ENTRIES PROVIDED START

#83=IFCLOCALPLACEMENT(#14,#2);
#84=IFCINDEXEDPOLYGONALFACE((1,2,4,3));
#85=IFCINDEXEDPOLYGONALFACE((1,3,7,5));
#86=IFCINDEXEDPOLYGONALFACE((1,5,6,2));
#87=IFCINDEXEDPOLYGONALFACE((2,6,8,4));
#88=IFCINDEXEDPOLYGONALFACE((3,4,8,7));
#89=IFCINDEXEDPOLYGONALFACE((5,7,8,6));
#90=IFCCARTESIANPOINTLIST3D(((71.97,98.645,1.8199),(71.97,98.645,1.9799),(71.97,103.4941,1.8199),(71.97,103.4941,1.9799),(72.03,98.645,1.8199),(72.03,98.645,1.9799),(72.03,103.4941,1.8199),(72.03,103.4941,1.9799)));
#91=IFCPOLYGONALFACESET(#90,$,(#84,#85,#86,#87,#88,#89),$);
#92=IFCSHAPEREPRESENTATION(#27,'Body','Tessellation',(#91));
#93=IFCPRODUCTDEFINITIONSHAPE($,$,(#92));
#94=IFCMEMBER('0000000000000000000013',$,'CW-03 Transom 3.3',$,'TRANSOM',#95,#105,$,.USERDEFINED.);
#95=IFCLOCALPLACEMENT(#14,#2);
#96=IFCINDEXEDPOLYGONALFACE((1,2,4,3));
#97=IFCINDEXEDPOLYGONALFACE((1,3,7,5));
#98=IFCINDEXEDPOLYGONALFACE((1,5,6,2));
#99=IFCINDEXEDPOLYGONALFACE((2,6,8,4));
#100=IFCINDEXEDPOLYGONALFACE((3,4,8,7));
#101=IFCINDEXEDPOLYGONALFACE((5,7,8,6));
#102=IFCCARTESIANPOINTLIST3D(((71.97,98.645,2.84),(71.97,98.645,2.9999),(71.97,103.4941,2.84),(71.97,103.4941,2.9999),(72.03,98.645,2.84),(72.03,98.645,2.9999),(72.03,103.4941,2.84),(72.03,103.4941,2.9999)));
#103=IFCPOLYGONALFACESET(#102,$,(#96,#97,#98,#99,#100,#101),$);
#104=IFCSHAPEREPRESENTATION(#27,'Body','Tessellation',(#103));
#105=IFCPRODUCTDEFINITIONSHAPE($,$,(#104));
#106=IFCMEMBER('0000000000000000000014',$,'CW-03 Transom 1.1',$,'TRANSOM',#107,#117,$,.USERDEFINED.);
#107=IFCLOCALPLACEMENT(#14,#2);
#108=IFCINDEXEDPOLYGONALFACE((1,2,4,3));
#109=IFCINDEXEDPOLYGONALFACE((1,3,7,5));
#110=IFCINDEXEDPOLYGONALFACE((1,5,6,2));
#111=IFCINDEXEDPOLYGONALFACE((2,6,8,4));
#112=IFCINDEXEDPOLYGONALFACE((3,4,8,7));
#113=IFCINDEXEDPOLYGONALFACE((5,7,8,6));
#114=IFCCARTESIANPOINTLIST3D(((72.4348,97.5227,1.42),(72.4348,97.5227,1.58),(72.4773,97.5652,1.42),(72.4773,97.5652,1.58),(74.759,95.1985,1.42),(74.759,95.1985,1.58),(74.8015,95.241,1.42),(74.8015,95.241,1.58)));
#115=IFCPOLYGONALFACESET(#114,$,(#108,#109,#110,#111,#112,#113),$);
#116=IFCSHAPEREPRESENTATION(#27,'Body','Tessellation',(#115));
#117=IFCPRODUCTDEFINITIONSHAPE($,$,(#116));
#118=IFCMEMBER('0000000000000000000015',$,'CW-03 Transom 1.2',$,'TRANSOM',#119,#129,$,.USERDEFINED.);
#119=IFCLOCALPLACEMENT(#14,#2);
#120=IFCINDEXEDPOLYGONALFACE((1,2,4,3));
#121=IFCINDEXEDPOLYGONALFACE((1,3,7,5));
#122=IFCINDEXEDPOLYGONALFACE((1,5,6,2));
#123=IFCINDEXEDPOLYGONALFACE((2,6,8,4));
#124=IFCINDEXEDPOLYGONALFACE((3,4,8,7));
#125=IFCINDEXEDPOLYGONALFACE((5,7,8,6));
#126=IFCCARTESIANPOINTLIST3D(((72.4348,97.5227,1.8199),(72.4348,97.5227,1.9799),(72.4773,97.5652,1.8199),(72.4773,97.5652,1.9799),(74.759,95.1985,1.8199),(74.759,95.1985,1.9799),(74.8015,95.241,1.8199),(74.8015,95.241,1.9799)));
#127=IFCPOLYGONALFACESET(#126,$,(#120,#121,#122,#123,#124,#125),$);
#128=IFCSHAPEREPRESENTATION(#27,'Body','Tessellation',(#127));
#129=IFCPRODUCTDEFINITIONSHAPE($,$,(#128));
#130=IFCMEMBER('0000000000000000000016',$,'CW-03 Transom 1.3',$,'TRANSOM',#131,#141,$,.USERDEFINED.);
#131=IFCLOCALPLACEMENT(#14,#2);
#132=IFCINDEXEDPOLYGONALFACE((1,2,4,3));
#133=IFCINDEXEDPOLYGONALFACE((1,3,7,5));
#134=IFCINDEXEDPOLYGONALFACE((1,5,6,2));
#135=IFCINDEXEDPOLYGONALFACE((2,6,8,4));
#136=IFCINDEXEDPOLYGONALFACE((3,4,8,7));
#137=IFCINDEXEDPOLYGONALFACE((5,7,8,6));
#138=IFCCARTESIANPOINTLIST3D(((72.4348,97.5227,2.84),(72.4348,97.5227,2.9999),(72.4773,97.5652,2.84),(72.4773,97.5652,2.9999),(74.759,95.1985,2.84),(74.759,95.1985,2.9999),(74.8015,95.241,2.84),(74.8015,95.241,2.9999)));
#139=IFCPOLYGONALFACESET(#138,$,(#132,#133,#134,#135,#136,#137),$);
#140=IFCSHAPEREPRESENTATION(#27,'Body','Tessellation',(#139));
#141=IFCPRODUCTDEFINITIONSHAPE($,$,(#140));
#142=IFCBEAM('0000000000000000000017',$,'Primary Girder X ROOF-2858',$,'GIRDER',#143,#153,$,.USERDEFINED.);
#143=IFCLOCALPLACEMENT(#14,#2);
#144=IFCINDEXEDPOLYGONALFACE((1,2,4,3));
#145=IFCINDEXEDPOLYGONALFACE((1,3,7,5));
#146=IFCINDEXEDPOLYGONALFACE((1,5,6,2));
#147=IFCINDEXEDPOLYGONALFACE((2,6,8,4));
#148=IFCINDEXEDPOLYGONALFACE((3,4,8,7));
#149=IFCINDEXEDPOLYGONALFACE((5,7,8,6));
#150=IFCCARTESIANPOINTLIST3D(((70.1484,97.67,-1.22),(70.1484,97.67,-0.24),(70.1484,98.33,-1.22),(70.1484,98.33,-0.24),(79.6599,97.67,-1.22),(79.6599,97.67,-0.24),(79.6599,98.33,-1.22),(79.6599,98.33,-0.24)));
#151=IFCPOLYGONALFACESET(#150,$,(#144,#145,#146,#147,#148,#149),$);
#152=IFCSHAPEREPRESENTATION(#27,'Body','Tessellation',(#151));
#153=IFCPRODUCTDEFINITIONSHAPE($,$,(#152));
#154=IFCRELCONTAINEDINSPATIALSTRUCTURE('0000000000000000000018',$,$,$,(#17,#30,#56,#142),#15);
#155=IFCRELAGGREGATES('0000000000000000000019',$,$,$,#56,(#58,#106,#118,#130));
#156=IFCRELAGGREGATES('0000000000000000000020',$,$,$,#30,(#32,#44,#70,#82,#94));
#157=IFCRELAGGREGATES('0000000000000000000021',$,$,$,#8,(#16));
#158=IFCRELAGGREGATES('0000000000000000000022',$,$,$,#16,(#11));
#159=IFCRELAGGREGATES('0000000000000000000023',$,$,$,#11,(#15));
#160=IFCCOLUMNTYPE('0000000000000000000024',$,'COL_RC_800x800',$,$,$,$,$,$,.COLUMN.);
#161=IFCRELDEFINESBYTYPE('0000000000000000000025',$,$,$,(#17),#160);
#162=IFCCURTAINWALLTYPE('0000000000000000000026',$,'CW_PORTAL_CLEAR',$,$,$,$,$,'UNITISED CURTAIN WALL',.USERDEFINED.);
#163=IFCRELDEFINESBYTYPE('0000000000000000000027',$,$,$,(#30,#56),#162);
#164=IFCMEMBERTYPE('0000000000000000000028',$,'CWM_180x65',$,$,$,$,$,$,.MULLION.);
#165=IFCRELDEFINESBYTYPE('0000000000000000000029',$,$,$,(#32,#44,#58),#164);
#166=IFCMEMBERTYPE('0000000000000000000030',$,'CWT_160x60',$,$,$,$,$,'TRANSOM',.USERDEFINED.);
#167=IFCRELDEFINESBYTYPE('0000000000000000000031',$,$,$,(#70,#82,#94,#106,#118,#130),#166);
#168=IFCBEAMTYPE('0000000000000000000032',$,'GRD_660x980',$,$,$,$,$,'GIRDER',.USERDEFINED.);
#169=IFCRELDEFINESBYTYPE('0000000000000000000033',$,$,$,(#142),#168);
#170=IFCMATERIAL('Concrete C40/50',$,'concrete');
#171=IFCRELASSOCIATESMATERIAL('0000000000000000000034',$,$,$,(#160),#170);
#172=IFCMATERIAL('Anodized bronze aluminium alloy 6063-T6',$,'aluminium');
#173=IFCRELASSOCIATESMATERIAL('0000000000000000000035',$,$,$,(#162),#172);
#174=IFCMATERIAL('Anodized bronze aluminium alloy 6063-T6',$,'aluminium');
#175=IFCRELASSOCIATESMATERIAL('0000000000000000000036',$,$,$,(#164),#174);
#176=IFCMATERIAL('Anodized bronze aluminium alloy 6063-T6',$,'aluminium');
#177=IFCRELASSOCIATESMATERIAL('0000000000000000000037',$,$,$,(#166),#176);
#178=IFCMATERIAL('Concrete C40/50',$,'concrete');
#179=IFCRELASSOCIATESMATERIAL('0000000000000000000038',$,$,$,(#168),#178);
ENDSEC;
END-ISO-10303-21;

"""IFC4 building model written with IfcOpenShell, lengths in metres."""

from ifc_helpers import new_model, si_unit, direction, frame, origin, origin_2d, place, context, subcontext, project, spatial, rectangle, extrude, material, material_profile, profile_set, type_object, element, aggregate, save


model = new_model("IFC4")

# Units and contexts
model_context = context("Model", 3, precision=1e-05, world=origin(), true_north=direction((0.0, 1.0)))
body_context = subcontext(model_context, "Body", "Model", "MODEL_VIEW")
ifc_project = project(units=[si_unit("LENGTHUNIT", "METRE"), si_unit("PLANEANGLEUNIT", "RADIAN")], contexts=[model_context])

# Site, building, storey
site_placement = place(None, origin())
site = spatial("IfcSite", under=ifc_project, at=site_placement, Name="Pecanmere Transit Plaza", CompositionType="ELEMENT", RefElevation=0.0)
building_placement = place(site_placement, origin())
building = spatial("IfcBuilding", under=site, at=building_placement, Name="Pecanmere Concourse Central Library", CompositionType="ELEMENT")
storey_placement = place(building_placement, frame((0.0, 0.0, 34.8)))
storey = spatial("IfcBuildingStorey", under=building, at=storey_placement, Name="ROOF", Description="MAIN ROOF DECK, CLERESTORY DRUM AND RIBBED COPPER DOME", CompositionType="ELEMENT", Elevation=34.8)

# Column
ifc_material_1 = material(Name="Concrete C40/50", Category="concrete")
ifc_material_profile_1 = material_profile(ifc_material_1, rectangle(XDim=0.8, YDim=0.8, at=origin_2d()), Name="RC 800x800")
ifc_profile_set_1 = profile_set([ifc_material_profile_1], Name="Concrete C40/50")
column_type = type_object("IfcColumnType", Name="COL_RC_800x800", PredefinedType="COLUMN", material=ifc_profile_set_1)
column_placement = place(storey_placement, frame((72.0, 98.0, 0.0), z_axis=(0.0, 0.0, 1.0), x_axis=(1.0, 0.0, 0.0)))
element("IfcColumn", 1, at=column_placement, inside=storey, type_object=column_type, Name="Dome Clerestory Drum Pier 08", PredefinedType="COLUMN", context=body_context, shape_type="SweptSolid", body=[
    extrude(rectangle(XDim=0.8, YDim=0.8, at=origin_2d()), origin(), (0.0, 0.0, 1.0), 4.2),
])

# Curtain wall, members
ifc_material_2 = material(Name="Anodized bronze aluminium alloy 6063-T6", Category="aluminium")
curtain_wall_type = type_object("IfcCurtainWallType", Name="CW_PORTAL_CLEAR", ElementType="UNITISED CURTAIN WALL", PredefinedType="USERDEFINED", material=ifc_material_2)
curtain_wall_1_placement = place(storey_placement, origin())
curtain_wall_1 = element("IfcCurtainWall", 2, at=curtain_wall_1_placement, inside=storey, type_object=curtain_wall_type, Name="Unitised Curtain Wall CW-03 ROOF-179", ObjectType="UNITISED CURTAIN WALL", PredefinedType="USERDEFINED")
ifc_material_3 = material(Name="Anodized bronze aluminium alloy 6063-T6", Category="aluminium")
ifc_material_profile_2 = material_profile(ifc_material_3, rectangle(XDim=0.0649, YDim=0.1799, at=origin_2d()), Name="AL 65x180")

ENTRIES PROVIDED END

--- YOUR INSTRUCTIONS ---
Once the line containing "#108=IFCINDEXEDPOLYGONALFACE((1,2,4,3));" has been set down, nothing more is wanted; set down each line of the listing above up to it exactly, starting with the first.

--- RESPONSE AREA ---
#83=IFCLOCALPLACEMENT(#14,#2);
#84=IFCINDEXEDPOLYGONALFACE((1,2,4,3));
#85=IFCINDEXEDPOLYGONALFACE((1,3,7,5));
#86=IFCINDEXEDPOLYGONALFACE((1,5,6,2));
#87=IFCINDEXEDPOLYGONALFACE((2,6,8,4));
#88=IFCINDEXEDPOLYGONALFACE((3,4,8,7));
#89=IFCINDEXEDPOLYGONALFACE((5,7,8,6));
#90=IFCCARTESIANPOINTLIST3D(((71.97,98.645,1.8199),(71.97,98.645,1.9799),(71.97,103.4941,1.8199),(71.97,103.4941,1.9799),(72.03,98.645,1.8199),(72.03,98.645,1.9799),(72.03,103.4941,1.8199),(72.03,103.4941,1.9799)));
#91=IFCPOLYGONALFACESET(#90,$,(#84,#85,#86,#87,#88,#89),$);
#92=IFCSHAPEREPRESENTATION(#27,'Body','Tessellation',(#91));
#93=IFCPRODUCTDEFINITIONSHAPE($,$,(#92));
#94=IFCMEMBER('0000000000000000000013',$,'CW-03 Transom 3.3',$,'TRANSOM',#95,#105,$,.USERDEFINED.);
#95=IFCLOCALPLACEMENT(#14,#2);
#96=IFCINDEXEDPOLYGONALFACE((1,2,4,3));
#97=IFCINDEXEDPOLYGONALFACE((1,3,7,5));
#98=IFCINDEXEDPOLYGONALFACE((1,5,6,2));
#99=IFCINDEXEDPOLYGONALFACE((2,6,8,4));
#100=IFCINDEXEDPOLYGONALFACE((3,4,8,7));
#101=IFCINDEXEDPOLYGONALFACE((5,7,8,6));
#102=IFCCARTESIANPOINTLIST3D(((71.97,98.645,2.84),(71.97,98.645,2.9999),(71.97,103.4941,2.84),(71.97,103.4941,2.9999),(72.03,98.645,2.84),(72.03,98.645,2.9999),(72.03,103.4941,2.84),(72.03,103.4941,2.9999)));
#103=IFCPOLYGONALFACESET(#102,$,(#96,#97,#98,#99,#100,#101),$);
#104=IFCSHAPEREPRESENTATION(#27,'Body','Tessellation',(#103));
#105=IFCPRODUCTDEFINITIONSHAPE($,$,(#104));
#106=IFCMEMBER('0000000000000000000014',$,'CW-03 Transom 1.1',$,'TRANSOM',#107,#117,$,.USERDEFINED.);
#107=IFCLOCALPLACEMENT(#14,#2);
#108=IFCINDEXEDPOLYGONALFACE((1,2,4,3));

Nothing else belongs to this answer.